Supplied material —
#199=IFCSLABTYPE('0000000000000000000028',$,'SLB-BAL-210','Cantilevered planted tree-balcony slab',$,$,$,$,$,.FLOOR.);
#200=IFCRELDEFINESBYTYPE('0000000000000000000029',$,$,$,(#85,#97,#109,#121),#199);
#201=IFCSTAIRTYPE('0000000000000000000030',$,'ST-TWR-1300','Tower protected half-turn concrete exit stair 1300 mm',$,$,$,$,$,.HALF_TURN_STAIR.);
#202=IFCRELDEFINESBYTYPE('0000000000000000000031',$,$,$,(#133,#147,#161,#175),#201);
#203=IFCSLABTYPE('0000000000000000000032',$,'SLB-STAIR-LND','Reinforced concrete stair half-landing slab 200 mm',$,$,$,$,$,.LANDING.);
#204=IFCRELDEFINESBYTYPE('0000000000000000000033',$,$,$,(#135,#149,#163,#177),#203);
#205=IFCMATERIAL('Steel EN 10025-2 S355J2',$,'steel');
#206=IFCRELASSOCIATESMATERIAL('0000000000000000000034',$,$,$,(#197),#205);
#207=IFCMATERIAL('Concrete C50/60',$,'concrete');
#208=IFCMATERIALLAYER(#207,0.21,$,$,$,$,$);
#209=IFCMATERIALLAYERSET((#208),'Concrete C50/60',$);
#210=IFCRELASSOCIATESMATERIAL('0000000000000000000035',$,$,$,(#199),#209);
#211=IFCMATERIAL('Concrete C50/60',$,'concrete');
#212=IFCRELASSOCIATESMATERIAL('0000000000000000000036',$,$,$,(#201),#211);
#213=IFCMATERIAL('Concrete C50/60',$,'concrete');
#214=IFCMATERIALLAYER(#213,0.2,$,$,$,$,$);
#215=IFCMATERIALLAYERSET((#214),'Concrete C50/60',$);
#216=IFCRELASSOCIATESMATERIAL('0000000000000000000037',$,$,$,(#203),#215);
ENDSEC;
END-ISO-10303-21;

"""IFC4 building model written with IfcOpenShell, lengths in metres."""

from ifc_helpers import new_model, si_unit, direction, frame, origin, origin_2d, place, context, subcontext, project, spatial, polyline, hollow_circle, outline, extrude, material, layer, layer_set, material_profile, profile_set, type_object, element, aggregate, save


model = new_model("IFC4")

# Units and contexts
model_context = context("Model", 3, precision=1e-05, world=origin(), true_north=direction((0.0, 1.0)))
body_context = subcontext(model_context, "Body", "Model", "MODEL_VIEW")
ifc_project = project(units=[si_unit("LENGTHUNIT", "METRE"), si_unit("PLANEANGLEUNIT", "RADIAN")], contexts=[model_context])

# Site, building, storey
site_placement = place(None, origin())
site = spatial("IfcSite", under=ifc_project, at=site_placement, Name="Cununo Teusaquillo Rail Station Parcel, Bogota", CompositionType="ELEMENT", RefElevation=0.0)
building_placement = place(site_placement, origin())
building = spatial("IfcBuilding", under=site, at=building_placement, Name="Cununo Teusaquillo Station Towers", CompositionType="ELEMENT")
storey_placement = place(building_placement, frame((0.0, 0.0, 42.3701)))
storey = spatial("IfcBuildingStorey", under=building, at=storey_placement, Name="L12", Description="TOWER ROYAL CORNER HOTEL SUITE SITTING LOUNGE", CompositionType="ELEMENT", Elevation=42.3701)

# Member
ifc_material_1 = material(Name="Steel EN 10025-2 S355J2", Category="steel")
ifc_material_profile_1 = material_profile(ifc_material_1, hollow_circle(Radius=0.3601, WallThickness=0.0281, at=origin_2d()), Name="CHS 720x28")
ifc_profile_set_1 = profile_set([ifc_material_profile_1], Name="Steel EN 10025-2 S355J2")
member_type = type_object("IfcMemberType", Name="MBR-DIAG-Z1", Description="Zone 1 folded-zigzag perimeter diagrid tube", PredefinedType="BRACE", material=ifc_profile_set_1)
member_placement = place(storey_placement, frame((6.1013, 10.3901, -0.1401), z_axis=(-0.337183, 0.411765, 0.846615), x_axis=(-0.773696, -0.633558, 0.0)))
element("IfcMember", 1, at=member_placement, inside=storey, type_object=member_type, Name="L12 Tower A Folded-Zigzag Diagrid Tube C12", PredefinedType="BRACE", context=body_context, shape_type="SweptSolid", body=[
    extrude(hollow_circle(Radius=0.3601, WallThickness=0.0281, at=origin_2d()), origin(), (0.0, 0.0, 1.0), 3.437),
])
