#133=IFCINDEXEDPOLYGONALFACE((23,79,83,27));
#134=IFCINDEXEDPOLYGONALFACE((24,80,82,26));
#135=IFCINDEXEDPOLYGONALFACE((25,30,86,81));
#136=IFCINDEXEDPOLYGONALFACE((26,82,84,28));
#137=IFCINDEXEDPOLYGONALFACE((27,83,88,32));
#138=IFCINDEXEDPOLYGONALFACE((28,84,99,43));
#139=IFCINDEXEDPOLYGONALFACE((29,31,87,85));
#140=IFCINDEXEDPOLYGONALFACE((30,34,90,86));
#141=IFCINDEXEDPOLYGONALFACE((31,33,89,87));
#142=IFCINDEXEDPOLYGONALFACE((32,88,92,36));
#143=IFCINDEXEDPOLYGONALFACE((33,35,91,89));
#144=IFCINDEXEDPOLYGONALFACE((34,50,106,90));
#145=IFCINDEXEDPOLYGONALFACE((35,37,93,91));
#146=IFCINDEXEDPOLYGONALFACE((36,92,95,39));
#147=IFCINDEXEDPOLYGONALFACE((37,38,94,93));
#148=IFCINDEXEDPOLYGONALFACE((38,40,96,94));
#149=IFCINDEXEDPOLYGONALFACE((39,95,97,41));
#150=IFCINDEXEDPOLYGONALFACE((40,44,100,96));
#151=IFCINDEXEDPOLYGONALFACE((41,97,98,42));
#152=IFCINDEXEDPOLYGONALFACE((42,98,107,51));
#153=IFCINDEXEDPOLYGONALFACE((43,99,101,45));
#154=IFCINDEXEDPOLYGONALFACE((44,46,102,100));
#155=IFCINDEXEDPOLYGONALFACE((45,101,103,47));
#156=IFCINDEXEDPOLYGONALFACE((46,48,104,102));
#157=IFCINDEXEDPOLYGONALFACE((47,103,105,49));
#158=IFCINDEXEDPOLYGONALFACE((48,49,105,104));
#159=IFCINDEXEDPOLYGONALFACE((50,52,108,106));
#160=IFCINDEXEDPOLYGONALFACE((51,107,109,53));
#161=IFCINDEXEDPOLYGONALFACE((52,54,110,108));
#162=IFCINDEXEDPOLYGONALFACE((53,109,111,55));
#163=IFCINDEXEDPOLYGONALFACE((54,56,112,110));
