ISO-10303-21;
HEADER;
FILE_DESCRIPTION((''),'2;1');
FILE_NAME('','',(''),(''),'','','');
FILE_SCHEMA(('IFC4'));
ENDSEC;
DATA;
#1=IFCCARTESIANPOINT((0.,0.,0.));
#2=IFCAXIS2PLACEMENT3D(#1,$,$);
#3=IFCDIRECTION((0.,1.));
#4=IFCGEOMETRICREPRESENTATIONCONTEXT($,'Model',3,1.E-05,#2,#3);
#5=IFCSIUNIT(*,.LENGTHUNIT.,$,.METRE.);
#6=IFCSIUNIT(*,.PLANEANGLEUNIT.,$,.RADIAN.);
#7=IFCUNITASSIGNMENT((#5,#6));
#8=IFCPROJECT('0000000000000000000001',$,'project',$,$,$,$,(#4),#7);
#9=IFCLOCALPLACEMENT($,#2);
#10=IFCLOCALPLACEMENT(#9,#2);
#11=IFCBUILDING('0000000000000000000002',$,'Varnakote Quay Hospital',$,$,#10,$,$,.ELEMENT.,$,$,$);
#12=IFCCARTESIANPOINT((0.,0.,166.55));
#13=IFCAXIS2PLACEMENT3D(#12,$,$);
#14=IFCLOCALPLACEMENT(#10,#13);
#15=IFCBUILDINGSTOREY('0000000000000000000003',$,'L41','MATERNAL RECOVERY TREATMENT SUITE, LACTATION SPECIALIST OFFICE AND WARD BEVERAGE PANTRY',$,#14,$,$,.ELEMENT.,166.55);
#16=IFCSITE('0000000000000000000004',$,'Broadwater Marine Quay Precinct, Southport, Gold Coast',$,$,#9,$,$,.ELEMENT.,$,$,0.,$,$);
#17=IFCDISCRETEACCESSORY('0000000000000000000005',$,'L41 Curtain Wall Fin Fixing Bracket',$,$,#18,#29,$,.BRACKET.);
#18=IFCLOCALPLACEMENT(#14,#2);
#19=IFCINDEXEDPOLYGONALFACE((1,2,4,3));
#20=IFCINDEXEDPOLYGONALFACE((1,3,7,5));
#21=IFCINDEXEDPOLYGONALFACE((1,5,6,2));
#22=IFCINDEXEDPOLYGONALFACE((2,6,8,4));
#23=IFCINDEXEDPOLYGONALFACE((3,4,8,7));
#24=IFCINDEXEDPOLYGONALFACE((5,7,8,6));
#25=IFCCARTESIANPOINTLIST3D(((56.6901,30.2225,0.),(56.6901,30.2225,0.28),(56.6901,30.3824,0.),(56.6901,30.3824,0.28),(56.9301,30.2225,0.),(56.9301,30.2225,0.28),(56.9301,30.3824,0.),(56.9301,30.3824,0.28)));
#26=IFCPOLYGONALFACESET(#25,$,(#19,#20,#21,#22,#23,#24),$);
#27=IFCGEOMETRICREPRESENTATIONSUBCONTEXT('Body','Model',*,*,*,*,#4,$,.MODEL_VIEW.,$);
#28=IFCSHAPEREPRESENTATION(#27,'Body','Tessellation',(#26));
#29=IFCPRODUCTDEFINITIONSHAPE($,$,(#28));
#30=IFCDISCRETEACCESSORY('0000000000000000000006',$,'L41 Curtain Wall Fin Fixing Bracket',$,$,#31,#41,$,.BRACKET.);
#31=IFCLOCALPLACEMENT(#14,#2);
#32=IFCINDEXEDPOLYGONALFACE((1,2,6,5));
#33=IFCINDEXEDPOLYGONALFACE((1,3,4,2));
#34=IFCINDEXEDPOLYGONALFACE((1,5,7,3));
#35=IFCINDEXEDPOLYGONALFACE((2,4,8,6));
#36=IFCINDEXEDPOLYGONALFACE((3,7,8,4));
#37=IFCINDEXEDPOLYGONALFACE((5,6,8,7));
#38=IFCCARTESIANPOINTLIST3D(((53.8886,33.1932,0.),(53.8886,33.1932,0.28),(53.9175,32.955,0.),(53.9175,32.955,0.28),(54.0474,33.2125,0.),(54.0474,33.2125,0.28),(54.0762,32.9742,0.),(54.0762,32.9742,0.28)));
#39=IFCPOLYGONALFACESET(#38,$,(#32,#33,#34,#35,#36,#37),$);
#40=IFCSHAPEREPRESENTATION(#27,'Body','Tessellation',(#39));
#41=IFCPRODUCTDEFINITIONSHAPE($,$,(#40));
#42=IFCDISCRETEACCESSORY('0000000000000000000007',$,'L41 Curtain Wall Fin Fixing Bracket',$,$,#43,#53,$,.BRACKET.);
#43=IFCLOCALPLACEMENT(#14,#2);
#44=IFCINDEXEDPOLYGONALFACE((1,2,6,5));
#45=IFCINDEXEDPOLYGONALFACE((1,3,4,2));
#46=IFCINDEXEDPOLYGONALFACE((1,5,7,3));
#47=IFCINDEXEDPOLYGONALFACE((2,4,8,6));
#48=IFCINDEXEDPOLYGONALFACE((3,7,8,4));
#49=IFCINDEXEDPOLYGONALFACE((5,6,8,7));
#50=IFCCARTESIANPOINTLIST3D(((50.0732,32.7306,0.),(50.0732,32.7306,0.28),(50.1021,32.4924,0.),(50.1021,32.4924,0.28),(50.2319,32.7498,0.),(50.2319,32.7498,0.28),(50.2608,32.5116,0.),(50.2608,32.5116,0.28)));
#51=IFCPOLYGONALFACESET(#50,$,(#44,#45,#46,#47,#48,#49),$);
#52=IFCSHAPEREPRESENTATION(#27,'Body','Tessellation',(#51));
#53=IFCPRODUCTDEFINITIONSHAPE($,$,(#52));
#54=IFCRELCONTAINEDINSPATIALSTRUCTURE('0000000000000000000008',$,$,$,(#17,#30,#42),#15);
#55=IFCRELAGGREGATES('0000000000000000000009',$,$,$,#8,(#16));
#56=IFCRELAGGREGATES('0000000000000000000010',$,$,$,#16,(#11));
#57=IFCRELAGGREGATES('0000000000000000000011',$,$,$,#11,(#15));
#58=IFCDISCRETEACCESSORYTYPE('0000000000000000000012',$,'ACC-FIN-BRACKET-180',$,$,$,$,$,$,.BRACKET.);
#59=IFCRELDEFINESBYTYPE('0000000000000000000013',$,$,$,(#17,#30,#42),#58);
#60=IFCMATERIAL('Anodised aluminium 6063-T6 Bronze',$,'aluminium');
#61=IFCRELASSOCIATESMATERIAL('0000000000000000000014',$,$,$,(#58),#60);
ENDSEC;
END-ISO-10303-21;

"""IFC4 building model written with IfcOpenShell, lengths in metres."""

from ifc_helpers import new_model, si_unit, direction, frame, origin, origin_2d, place, context, subcontext, project, spatial, rectangle, extrude, material, type_object, element, save


model = new_model("IFC4")

# Units and contexts
model_context = context("Model", 3, precision=1e-05, world=origin(), true_north=direction((0.0, 1.0)))
body_context = subcontext(model_context, "Body", "Model", "MODEL_VIEW")
ifc_project = project(units=[si_unit("LENGTHUNIT", "METRE"), si_unit("PLANEANGLEUNIT", "RADIAN")], contexts=[model_context])

# Site, building, storey
site_placement = place(None, origin())
site = spatial("IfcSite", under=ifc_project, at=site_placement, Name="Broadwater Marine Quay Precinct, Southport, Gold Coast", CompositionType="ELEMENT", RefElevation=0.0)
building_placement = place(site_placement, origin())
building = spatial("IfcBuilding", under=site, at=building_placement, Name="Varnakote Quay Hospital", CompositionType="ELEMENT")
storey_placement = place(building_placement, frame((0.0, 0.0, 166.55)))
storey = spatial("IfcBuildingStorey", under=building, at=storey_placement, Name="L41", Description="MATERNAL RECOVERY TREATMENT SUITE, LACTATION SPECIALIST OFFICE AND WARD BEVERAGE PANTRY", CompositionType="ELEMENT", Elevation=166.55)

# Discrete accessories
ifc_material_1 = material(Name="Anodised aluminium 6063-T6 Bronze", Category="aluminium")
discrete_accessory_type = type_object("IfcDiscreteAccessoryType", Name="ACC-FIN-BRACKET-180", PredefinedType="BRACKET", material=ifc_material_1)
for number, where, z_axis, x_axis, name in (
    (1, (56.8101, 30.3025, 0.0), (0.0, 0.0, 1.0), (0.0, 1.0, 0.0), "L41 Curtain Wall Fin Fixing Bracket"),
    (2, (53.9824, 33.0837, 0.0), (0.0, 0.0, 1.0), (-0.992736, -0.12031, 0.0), "L41 Curtain Wall Fin Fixing Bracket"),
    (3, (50.167, 32.6211, 0.0), (0.0, 0.0, 1.0), (-0.992736, -0.12031, 0.0), "L41 Curtain Wall Fin Fixing Bracket"),
):
    element("IfcDiscreteAccessory", number, at=place(storey_placement, frame(where, z_axis=z_axis, x_axis=x_axis)), inside=storey, type_object=discrete_accessory_type, Name=name, PredefinedType="BRACKET", context=body_context, shape_type="SweptSolid", body=[
        extrude(rectangle(XDim=0.1599, YDim=0.24, at=origin_2d()), origin(), (0.0, 0.0, 1.0), 0.28),
    ])

save(model, "model.ifc")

Task to carry out —
Output only the number of lines in the data above that include the word "Tessellation".

Task output —
3